In the entries that follow, the first line to write out is the one containing "#20=IFCINDEXEDPOLYGONALFACE((1,3,7,5));", and the last is the one containing "#26=IFCPOLYGONALFACESET(#25,$,(#19,#20,#21,#22,#23,#24),$);". Reproduce that stretch exactly, with nothing before or after it.

Extracted records:
╭──

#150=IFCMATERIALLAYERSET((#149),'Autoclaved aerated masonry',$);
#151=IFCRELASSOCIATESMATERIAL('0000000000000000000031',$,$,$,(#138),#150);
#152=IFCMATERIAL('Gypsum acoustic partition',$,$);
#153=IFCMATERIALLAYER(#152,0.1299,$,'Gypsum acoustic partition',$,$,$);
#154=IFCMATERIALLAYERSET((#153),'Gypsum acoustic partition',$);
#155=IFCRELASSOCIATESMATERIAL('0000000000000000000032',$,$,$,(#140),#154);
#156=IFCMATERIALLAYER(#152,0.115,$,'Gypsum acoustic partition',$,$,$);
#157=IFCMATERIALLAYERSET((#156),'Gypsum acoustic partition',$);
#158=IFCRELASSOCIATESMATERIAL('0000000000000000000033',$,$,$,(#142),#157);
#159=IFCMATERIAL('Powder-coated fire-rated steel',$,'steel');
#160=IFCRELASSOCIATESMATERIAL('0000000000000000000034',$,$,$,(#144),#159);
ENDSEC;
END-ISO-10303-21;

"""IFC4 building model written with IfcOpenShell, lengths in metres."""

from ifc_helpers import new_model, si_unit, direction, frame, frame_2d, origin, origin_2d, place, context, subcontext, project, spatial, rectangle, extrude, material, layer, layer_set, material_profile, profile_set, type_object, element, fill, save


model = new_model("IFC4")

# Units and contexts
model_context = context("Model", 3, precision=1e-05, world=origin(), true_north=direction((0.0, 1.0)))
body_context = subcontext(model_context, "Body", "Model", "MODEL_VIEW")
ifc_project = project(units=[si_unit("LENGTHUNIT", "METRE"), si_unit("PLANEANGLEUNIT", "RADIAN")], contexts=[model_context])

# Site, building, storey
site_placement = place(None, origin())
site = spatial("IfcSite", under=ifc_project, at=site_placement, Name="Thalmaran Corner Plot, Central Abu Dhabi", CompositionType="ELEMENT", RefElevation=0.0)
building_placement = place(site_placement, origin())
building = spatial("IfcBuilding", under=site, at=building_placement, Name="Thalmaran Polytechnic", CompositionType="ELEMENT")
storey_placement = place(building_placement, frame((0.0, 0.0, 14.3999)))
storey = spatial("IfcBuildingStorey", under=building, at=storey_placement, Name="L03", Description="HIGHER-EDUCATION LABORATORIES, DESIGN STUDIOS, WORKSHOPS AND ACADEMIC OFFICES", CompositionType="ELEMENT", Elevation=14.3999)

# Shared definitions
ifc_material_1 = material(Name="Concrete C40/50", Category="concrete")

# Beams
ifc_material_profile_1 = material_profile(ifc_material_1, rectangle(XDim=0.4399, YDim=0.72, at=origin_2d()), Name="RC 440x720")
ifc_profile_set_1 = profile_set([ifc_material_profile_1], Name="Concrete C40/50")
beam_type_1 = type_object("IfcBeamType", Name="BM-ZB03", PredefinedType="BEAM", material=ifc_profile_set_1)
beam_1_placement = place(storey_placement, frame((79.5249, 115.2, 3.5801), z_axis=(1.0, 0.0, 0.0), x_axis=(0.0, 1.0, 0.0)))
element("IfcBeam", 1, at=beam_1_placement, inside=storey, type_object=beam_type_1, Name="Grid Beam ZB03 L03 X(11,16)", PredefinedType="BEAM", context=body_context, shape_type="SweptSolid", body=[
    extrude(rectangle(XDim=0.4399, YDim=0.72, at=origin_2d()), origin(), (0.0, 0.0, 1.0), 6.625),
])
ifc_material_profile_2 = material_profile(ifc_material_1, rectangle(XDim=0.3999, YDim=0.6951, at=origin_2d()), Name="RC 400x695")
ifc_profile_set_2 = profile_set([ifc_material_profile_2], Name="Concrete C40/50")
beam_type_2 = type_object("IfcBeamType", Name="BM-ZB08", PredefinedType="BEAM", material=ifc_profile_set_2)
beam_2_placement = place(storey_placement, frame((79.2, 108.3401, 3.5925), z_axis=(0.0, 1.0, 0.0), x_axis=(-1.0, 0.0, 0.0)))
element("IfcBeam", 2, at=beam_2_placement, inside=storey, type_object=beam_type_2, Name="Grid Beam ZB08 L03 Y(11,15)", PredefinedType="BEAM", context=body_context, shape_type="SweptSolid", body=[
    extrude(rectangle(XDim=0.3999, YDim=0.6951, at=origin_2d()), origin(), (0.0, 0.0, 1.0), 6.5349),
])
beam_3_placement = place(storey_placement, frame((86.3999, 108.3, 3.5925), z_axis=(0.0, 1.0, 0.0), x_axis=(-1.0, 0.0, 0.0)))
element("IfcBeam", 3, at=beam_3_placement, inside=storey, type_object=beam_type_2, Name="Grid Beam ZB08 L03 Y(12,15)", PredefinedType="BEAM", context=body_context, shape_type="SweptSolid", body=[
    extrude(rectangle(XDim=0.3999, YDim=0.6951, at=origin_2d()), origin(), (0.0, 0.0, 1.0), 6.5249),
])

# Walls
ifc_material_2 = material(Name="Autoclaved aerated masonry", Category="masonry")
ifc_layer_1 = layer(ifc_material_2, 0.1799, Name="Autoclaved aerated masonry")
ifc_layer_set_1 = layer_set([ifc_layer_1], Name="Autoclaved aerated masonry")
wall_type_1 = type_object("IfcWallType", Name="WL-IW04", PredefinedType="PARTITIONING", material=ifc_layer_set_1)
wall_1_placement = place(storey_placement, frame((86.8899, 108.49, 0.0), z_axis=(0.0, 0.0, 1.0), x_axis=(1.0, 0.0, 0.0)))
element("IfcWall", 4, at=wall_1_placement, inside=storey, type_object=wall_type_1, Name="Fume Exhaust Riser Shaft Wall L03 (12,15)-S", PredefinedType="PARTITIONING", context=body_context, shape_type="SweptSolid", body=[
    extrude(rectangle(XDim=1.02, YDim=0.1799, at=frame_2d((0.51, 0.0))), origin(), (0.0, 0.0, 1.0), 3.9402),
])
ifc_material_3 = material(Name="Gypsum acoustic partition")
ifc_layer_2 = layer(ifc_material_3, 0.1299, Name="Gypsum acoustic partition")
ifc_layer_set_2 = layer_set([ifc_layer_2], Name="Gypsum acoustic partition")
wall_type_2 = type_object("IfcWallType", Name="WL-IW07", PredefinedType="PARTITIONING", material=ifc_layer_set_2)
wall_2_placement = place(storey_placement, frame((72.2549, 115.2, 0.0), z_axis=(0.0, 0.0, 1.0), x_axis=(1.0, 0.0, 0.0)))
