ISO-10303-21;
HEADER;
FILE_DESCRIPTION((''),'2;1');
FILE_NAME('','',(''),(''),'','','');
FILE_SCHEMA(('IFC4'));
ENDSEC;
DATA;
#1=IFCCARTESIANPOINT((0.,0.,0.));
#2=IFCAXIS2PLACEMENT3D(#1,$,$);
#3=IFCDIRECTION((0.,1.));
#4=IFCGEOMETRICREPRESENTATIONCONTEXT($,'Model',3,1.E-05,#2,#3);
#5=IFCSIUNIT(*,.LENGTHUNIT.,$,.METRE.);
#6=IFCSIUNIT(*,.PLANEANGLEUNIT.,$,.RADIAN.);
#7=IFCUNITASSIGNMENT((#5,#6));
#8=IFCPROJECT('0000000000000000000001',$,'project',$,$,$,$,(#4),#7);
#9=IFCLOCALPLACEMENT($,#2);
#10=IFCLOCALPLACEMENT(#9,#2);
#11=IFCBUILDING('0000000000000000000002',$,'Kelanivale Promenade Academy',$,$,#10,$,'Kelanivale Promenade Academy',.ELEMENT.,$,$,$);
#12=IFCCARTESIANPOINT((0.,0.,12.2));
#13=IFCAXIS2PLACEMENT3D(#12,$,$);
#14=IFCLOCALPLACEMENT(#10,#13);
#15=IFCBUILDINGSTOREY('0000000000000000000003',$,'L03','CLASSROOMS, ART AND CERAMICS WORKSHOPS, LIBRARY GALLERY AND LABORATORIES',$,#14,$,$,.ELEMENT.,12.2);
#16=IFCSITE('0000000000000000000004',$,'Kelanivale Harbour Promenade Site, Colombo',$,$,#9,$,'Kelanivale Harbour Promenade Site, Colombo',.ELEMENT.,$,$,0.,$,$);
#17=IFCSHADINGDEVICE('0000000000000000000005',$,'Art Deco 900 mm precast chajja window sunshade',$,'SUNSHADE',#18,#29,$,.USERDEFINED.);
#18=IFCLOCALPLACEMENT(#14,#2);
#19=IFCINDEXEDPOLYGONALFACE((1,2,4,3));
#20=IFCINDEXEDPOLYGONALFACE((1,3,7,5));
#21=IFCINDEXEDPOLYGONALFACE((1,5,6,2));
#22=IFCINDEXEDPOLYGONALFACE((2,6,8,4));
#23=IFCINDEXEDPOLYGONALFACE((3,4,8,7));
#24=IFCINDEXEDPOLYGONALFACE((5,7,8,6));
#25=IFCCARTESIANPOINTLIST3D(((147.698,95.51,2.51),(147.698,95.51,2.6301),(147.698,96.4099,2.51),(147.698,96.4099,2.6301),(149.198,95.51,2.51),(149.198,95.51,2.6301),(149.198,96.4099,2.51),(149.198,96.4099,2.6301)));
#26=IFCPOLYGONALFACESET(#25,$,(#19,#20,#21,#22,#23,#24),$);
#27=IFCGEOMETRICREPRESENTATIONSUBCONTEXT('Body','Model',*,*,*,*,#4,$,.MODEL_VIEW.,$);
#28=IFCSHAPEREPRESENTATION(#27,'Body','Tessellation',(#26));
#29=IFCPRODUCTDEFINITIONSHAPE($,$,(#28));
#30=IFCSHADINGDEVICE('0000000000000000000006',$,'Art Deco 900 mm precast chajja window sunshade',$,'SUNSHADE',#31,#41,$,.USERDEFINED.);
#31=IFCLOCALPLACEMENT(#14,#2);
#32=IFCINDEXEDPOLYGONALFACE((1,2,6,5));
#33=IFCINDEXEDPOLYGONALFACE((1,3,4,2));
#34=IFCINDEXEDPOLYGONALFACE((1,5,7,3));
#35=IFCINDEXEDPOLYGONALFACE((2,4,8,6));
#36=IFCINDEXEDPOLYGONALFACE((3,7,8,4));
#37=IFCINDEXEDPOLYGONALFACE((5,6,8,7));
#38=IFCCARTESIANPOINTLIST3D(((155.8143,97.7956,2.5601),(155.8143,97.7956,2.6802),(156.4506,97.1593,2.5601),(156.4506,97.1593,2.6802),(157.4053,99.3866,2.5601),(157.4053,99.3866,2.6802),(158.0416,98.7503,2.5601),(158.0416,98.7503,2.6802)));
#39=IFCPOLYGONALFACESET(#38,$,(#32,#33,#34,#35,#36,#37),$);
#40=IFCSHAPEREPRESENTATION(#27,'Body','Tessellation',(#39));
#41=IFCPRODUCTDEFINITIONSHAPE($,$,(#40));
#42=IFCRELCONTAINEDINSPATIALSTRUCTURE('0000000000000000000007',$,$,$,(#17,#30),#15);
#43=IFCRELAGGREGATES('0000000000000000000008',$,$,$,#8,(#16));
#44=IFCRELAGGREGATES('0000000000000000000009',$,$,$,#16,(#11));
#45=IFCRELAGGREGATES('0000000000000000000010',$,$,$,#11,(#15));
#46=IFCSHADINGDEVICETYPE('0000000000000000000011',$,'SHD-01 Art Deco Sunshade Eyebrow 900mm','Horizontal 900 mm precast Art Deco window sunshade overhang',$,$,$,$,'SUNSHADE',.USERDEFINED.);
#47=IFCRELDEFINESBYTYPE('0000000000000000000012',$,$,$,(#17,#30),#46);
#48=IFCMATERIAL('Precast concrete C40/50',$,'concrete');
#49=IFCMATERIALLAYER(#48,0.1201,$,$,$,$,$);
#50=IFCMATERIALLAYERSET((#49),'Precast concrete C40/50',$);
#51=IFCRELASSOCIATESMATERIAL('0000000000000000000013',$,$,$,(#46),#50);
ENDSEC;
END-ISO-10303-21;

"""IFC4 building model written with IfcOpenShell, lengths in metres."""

from ifc_helpers import new_model, si_unit, direction, frame, origin, origin_2d, place, context, subcontext, project, spatial, rectangle, extrude, material, layer, layer_set, type_object, element, save


model = new_model("IFC4")

# Units and contexts
model_context = context("Model", 3, precision=1e-05, world=origin(), true_north=direction((0.0, 1.0)))
body_context = subcontext(model_context, "Body", "Model", "MODEL_VIEW")
ifc_project = project(units=[si_unit("LENGTHUNIT", "METRE"), si_unit("PLANEANGLEUNIT", "RADIAN")], contexts=[model_context])

# Site, building, storey
site_placement = place(None, origin())
site = spatial("IfcSite", under=ifc_project, at=site_placement, Name="Kelanivale Harbour Promenade Site, Colombo", LongName="Kelanivale Harbour Promenade Site, Colombo", CompositionType="ELEMENT", RefElevation=0.0)
building_placement = place(site_placement, origin())
building = spatial("IfcBuilding", under=site, at=building_placement, Name="Kelanivale Promenade Academy", LongName="Kelanivale Promenade Academy", CompositionType="ELEMENT")
storey_placement = place(building_placement, frame((0.0, 0.0, 12.2)))
storey = spatial("IfcBuildingStorey", under=building, at=storey_placement, Name="L03", Description="CLASSROOMS, ART AND CERAMICS WORKSHOPS, LIBRARY GALLERY AND LABORATORIES", CompositionType="ELEMENT", Elevation=12.2)

# Shading devices
ifc_material_1 = material(Name="Precast concrete C40/50", Category="concrete")
ifc_layer_1 = layer(ifc_material_1, 0.1201)
ifc_layer_set_1 = layer_set([ifc_layer_1], Name="Precast concrete C40/50")
shading_device_type = type_object("IfcShadingDeviceType", Name="SHD-01 Art Deco Sunshade Eyebrow 900mm", Description="Horizontal 900 mm precast Art Deco window sunshade overhang", ElementType="SUNSHADE", PredefinedType="USERDEFINED", material=ifc_layer_set_1)
shading_device_1_placement = place(storey_placement, frame((148.448, 95.96, 2.51), z_axis=(0.0, 0.0, 1.0), x_axis=(1.0, 0.0, 0.0)))
element("IfcShadingDevice", 1, at=shading_device_1_placement, inside=storey, type_object=shading_device_type, Name="Art Deco 900 mm precast chajja window sunshade", ObjectType="SUNSHADE", PredefinedType="USERDEFINED", context=body_context, shape_type="SweptSolid", body=[
    extrude(rectangle(XDim=1.5, YDim=0.8999, at=origin_2d()), origin(), (0.0, 0.0, 1.0), 0.1201),
])
shading_device_2_placement = place(storey_placement, frame((156.928, 98.2729, 2.5601), z_axis=(0.0, 0.0, 1.0), x_axis=(0.707107, 0.707107, 0.0)))
element("IfcShadingDevice", 2, at=shading_device_2_placement, inside=storey, type_object=shading_device_type, Name="Art Deco 900 mm precast chajja window sunshade", ObjectType="SUNSHADE", PredefinedType="USERDEFINED", context=body_context, shape_type="SweptSolid", body=[
    extrude(rectangle(XDim=2.25, YDim=0.8999, at=origin_2d()), origin(), (0.0, 0.0, 1.0), 0.1201),
])

save(model, "model.ifc")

╰──

Your solution:
#20=IFCINDEXEDPOLYGONALFACE((1,3,7,5));
#21=IFCINDEXEDPOLYGONALFACE((1,5,6,2));
#22=IFCINDEXEDPOLYGONALFACE((2,6,8,4));
#23=IFCINDEXEDPOLYGONALFACE((3,4,8,7));
#24=IFCINDEXEDPOLYGONALFACE((5,7,8,6));
#25=IFCCARTESIANPOINTLIST3D(((147.698,95.51,2.51),(147.698,95.51,2.6301),(147.698,96.4099,2.51),(147.698,96.4099,2.6301),(149.198,95.51,2.51),(149.198,95.51,2.6301),(149.198,96.4099,2.51),(149.198,96.4099,2.6301)));
#26=IFCPOLYGONALFACESET(#25,$,(#19,#20,#21,#22,#23,#24),$);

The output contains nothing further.